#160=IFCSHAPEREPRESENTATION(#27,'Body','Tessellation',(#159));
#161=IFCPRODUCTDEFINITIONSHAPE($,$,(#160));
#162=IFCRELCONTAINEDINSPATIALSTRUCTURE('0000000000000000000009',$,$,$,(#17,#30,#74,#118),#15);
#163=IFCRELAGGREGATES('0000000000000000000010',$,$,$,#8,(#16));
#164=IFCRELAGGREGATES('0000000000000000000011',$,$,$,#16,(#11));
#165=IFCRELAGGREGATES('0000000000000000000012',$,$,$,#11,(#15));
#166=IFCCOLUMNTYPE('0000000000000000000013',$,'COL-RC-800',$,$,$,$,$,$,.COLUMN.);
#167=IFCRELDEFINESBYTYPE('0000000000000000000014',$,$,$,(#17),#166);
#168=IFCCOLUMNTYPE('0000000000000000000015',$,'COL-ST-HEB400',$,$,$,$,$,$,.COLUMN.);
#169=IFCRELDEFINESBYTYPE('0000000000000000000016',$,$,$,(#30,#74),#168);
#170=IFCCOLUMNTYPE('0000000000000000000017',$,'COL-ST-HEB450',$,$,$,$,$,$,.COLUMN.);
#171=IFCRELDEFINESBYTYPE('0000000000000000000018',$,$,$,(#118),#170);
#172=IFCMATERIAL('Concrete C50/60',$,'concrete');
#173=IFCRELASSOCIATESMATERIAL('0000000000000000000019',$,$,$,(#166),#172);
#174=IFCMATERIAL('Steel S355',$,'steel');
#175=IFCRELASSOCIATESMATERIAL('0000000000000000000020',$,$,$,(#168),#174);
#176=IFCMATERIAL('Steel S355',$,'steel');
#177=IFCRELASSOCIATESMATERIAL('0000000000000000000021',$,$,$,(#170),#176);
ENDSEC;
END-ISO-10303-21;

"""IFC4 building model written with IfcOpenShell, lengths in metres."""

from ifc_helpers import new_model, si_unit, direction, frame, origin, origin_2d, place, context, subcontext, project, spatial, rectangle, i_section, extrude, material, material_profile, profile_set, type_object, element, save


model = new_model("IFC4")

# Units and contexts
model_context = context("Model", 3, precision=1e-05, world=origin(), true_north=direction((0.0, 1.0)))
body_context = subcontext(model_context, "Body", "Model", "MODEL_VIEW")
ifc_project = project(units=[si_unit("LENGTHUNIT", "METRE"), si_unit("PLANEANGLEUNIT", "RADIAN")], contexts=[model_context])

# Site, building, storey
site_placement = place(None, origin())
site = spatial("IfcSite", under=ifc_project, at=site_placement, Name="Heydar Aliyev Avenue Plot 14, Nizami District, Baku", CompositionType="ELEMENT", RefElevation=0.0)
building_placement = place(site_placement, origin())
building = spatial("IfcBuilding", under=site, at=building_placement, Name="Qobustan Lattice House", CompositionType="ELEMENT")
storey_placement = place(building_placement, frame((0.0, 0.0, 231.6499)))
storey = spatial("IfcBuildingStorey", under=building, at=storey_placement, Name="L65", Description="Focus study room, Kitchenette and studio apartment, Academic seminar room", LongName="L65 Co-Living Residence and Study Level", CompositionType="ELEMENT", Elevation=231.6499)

==

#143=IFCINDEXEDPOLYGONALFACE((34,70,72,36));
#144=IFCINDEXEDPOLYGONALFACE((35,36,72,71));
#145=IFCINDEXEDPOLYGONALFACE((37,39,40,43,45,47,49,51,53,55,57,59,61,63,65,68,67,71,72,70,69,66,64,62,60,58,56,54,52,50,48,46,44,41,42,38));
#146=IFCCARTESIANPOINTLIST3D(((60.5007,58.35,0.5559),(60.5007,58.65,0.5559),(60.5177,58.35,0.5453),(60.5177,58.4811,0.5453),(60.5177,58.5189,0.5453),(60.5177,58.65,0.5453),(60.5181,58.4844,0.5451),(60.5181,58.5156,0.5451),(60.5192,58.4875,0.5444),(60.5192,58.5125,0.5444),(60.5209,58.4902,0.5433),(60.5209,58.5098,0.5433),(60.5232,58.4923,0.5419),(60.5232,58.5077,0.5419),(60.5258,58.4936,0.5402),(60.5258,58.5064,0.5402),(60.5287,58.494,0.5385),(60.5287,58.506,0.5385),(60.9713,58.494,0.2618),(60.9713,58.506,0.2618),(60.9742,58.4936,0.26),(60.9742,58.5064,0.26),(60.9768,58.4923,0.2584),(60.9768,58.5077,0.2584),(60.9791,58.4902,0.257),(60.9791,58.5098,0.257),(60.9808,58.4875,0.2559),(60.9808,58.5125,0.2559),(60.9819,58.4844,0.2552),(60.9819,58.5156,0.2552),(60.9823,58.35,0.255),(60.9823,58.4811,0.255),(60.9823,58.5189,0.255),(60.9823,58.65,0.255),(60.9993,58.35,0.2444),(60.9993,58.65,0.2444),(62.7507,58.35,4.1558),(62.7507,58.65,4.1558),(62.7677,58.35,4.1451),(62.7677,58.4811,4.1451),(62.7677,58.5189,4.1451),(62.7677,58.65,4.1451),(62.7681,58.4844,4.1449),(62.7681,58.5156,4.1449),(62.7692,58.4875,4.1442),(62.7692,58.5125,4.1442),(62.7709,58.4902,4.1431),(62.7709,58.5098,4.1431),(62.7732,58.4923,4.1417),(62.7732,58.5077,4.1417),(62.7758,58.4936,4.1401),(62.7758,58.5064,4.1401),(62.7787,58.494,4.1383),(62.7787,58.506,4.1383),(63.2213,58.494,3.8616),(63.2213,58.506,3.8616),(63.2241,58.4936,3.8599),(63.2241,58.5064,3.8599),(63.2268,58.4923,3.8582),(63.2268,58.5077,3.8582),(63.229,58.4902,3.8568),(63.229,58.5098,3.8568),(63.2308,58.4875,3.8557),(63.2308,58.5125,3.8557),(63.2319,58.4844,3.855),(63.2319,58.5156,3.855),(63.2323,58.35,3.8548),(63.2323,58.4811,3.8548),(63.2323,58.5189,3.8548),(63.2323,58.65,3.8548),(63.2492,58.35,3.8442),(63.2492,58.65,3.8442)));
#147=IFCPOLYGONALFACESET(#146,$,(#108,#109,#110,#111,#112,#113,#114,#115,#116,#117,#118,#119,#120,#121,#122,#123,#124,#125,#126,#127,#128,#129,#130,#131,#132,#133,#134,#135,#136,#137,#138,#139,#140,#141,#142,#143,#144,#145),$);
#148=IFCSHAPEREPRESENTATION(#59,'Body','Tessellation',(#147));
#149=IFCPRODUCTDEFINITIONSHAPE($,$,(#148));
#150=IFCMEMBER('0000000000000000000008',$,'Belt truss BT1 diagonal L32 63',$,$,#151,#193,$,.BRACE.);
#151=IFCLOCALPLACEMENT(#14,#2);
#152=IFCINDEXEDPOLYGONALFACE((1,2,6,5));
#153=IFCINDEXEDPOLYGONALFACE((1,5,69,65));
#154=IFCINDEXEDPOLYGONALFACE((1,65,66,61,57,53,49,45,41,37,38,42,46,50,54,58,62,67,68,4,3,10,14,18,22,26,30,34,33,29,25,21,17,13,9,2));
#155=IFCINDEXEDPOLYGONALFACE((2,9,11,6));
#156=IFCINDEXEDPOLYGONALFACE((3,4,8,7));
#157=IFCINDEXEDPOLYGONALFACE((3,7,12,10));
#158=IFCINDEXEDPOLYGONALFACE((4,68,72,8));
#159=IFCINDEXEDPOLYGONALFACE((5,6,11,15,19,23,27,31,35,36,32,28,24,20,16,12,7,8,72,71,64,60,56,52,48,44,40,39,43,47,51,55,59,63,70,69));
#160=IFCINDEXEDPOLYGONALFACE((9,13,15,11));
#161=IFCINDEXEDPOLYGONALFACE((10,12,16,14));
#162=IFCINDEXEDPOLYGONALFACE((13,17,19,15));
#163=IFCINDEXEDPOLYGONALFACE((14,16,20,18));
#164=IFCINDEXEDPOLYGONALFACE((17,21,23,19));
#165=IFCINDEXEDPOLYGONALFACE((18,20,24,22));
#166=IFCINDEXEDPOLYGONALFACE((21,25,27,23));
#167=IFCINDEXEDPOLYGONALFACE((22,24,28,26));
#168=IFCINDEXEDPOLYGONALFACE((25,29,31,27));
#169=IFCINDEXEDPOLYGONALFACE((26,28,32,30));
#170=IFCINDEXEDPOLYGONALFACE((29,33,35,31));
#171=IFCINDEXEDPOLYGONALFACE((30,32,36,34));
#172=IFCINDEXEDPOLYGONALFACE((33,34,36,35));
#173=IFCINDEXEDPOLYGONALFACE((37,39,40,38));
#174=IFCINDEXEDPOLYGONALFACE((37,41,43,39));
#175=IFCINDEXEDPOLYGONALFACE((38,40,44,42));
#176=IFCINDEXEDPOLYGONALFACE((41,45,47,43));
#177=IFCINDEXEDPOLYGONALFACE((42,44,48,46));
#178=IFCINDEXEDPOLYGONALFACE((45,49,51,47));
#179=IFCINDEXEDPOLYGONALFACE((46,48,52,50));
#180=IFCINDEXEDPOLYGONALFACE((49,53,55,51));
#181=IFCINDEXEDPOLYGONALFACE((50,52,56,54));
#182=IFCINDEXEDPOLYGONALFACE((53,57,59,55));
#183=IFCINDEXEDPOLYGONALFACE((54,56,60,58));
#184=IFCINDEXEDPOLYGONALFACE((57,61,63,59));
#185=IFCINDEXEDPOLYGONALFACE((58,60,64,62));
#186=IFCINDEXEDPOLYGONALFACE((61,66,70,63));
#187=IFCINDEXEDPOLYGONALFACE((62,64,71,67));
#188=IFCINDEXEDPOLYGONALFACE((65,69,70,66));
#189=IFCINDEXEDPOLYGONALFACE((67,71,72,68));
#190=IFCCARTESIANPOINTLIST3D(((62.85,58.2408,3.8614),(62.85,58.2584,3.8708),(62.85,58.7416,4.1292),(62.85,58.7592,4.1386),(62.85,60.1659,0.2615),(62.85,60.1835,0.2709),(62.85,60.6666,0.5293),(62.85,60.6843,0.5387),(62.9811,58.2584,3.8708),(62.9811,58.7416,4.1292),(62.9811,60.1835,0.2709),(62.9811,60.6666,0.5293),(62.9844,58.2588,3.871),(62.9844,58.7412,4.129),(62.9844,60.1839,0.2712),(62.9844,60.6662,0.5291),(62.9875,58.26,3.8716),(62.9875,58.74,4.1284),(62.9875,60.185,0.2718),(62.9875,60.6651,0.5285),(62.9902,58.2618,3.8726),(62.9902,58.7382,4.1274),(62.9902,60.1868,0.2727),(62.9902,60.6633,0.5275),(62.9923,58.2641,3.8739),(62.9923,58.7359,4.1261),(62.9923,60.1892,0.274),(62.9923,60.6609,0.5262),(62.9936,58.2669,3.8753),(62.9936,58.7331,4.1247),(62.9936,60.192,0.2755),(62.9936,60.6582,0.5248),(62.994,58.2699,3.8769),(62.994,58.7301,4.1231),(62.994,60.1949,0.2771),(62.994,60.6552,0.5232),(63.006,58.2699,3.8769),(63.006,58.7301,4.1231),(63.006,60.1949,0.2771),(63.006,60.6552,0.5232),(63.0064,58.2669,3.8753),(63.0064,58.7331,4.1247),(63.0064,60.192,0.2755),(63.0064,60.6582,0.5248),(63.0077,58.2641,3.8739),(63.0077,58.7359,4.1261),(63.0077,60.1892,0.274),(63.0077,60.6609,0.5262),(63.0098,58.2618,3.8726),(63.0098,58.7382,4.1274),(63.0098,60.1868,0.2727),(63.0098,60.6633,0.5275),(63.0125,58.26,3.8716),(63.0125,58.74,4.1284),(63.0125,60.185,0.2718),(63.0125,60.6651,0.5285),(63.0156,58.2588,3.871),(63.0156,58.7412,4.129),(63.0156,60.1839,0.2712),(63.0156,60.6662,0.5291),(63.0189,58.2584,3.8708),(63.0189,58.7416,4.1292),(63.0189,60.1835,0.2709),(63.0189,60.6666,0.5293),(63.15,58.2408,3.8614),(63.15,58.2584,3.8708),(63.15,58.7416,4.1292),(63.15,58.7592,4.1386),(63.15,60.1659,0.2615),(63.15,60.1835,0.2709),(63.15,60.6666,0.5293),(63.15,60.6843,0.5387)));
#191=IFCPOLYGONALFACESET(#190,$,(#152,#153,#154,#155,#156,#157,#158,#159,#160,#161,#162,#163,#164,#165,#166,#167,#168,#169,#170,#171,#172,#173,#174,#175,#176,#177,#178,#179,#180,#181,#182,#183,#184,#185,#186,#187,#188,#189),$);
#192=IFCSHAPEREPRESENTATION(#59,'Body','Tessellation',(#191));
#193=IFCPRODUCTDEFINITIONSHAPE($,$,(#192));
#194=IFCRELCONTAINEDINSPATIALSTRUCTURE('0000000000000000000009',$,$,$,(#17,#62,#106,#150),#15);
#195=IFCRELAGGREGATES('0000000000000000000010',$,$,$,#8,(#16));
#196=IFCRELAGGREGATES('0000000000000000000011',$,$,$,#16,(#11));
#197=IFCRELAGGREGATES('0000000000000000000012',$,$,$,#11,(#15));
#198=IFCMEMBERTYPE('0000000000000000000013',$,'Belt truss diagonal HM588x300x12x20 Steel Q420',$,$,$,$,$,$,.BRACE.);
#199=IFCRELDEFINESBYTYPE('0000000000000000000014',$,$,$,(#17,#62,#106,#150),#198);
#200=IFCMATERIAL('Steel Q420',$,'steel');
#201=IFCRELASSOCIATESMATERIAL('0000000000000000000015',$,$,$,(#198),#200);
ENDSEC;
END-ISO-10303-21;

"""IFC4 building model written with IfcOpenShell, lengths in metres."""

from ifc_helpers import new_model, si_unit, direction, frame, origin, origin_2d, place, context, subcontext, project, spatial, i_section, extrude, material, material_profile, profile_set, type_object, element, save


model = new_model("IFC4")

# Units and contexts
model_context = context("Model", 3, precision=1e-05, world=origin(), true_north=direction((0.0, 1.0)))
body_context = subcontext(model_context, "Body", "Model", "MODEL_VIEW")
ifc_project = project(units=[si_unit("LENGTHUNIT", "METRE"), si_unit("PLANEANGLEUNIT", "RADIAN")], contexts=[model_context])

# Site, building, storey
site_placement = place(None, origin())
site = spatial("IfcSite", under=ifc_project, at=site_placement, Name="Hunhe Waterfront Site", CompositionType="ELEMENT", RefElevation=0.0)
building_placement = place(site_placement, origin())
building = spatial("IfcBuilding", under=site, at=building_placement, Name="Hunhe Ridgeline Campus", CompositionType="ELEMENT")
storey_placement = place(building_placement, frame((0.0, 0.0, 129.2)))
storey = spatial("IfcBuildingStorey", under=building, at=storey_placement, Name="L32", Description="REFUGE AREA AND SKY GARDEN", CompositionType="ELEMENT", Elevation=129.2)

◆ **WHAT IS BEING ASKED**
Once you reach the line with "#160=IFCSHAPEREPRESENTATION(#27,'Body','Tessellation',(#159));" in the data above, copy it and every line after it exactly, up to and including the line with "#164=IFCRELAGGREGATES('0000000000000000000011',$,$,$,#16,(#11));".

◆ **YOUR SOLUTION**
#160=IFCSHAPEREPRESENTATION(#27,'Body','Tessellation',(#159));
#161=IFCPRODUCTDEFINITIONSHAPE($,$,(#160));
#162=IFCRELCONTAINEDINSPATIALSTRUCTURE('0000000000000000000009',$,$,$,(#17,#30,#74,#118),#15);
#163=IFCRELAGGREGATES('0000000000000000000010',$,$,$,#8,(#16));
#164=IFCRELAGGREGATES('0000000000000000000011',$,$,$,#16,(#11));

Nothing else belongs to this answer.